Check each line below for "origin" and report how many have it, nothing else.

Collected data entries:
- - - - - - -

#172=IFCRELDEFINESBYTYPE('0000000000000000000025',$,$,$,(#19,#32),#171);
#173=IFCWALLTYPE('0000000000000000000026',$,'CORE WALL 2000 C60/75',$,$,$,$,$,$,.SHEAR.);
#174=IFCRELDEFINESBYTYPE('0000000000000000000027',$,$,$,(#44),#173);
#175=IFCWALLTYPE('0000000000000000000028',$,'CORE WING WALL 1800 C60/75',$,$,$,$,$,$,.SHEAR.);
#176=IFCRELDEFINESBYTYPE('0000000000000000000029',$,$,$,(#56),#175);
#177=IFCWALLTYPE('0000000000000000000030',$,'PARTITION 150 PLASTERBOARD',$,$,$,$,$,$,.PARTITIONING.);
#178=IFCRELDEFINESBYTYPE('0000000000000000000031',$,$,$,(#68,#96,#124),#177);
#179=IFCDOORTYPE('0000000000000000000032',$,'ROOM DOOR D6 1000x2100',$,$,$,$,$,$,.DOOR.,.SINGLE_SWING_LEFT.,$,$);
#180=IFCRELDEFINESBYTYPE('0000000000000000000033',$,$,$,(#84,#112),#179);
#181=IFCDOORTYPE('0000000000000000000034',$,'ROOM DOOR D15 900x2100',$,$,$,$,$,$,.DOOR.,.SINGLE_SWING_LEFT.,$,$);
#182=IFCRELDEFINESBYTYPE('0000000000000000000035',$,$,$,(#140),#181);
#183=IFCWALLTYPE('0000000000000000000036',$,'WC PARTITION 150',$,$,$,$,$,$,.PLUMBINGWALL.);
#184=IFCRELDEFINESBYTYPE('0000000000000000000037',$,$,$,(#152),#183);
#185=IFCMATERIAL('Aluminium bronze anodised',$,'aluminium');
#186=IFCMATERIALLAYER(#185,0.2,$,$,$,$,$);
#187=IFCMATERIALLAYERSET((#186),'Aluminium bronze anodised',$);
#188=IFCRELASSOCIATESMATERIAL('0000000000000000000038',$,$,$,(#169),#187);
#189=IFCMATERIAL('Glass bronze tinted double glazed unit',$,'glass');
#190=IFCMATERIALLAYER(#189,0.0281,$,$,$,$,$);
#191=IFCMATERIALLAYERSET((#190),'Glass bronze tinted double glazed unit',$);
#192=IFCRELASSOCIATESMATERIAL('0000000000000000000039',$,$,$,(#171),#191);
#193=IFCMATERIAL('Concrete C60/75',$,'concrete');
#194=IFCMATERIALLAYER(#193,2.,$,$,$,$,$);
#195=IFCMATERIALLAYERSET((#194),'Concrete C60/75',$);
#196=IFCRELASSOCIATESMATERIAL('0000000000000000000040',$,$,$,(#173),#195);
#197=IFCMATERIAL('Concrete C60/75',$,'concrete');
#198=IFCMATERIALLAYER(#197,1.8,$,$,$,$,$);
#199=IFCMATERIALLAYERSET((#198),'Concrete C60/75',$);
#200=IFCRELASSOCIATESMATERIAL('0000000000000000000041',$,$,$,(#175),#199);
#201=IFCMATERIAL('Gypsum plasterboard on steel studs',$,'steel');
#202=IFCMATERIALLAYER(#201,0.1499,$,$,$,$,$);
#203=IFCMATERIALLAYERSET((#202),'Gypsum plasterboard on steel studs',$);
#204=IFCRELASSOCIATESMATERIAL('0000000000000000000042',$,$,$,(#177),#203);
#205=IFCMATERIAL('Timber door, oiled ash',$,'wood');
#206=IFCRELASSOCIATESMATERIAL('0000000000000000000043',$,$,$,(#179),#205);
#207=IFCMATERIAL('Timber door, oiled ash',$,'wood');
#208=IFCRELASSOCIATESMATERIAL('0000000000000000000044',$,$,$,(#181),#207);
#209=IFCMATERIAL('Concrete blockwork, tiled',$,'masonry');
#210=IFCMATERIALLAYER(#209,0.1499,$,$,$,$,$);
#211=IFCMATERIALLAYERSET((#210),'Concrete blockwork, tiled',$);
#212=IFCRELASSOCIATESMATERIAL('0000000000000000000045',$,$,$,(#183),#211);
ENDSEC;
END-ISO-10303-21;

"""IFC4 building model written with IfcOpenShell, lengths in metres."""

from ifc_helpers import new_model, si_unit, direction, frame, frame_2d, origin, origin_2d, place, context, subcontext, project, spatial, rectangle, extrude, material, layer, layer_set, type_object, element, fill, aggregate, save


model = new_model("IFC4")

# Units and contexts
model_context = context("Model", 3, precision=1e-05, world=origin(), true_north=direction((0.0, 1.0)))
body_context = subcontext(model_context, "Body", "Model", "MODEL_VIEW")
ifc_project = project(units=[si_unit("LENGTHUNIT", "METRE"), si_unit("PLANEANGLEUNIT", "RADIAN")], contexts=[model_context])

- - - - - - -

#### PROBLEM SOLUTION:
2